#### EXERCISE PROMPT:
Take the data below and extract the lines from the one with "#9=IFCLOCALPLACEMENT($,#2);" to the one with "#13=IFCAXIS2PLACEMENT3D(#12,$,$);", inclusive, exactly as written.

#### RECORDS PROVIDED:
*** Begin section ***

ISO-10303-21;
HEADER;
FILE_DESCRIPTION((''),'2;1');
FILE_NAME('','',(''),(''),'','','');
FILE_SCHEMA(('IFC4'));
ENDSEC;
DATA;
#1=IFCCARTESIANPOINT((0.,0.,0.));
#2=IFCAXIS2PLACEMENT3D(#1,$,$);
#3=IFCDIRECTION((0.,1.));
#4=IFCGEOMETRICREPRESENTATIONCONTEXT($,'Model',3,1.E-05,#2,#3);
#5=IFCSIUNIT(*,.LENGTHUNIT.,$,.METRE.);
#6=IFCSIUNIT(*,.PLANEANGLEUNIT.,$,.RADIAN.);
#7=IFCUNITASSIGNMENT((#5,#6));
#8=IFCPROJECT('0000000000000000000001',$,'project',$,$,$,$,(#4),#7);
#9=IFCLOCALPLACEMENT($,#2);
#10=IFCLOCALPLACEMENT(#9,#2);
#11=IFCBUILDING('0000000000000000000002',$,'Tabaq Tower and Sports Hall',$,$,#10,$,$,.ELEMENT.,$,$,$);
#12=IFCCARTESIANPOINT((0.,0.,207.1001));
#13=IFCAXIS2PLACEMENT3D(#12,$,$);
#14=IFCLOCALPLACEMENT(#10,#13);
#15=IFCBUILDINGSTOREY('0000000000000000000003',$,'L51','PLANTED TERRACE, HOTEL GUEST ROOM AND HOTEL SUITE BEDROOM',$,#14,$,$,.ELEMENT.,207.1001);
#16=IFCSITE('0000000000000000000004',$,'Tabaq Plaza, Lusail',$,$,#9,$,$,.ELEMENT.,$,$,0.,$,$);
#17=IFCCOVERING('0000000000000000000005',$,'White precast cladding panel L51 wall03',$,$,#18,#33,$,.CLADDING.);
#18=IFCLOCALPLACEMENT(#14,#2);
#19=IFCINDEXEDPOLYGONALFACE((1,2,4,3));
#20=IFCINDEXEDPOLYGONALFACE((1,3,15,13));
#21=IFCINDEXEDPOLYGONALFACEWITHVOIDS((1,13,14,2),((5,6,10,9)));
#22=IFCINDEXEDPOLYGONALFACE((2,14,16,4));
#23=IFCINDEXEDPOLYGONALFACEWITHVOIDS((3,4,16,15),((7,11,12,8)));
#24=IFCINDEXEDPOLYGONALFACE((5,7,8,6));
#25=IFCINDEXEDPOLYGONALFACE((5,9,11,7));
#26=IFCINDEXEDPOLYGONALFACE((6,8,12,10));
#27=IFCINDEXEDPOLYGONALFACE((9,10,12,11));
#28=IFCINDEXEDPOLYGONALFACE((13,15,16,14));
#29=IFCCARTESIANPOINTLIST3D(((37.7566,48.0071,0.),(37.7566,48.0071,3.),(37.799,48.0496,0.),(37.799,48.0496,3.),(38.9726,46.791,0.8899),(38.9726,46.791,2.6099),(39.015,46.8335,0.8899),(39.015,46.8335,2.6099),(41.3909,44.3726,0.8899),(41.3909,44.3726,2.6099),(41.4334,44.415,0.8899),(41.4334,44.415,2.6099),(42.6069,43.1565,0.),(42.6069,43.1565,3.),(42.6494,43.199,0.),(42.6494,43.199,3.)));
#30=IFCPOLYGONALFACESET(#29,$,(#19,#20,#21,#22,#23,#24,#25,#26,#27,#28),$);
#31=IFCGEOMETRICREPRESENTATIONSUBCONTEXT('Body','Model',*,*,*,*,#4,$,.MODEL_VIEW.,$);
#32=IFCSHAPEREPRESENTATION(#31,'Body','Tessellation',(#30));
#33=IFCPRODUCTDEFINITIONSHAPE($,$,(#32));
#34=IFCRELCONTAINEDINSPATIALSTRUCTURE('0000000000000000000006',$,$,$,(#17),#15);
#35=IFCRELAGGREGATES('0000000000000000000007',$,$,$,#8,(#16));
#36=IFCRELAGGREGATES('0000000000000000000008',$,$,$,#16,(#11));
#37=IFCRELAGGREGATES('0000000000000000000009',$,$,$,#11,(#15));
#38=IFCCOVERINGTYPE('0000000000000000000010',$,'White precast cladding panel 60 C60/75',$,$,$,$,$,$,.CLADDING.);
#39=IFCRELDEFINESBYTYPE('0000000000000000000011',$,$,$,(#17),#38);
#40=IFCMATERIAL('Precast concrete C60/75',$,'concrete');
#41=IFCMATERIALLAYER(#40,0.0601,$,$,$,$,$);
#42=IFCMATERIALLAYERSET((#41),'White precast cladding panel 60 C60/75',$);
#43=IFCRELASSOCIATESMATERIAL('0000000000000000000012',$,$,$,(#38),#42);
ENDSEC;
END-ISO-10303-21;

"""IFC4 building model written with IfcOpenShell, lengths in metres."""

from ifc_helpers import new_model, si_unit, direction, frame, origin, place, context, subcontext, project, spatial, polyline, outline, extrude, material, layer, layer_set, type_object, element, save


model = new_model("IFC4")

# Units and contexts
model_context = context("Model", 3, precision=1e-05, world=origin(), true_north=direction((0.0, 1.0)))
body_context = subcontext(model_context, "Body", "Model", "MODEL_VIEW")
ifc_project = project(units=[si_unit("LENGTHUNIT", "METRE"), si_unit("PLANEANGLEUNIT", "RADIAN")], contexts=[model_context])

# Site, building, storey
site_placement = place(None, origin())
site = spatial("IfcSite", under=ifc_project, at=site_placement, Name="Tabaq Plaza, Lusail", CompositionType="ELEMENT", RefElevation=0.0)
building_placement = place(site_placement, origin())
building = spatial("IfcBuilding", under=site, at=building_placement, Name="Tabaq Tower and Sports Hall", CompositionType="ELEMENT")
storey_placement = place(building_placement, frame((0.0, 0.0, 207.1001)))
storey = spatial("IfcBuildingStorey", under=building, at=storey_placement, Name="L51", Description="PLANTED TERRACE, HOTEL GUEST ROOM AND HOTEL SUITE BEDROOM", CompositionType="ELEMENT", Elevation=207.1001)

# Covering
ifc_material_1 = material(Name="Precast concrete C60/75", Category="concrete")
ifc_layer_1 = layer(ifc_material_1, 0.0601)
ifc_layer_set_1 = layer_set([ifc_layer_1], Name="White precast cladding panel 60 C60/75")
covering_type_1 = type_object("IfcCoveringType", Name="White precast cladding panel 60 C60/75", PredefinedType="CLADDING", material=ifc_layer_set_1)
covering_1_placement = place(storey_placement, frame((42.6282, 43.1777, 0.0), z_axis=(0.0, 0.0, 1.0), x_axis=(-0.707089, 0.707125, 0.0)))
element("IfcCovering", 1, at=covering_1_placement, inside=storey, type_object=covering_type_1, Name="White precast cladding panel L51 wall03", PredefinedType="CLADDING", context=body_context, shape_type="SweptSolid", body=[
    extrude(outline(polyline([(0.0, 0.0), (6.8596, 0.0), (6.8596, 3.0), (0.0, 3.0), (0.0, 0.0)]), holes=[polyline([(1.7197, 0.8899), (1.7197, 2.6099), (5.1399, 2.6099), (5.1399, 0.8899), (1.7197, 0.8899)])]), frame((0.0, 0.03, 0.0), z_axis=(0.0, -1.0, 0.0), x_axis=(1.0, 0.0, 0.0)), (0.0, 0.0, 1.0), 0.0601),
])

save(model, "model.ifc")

*** End section ***

#### OUTPUT:
#9=IFCLOCALPLACEMENT($,#2);
#10=IFCLOCALPLACEMENT(#9,#2);
#11=IFCBUILDING('0000000000000000000002',$,'Tabaq Tower and Sports Hall',$,$,#10,$,$,.ELEMENT.,$,$,$);
#12=IFCCARTESIANPOINT((0.,0.,207.1001));
#13=IFCAXIS2PLACEMENT3D(#12,$,$);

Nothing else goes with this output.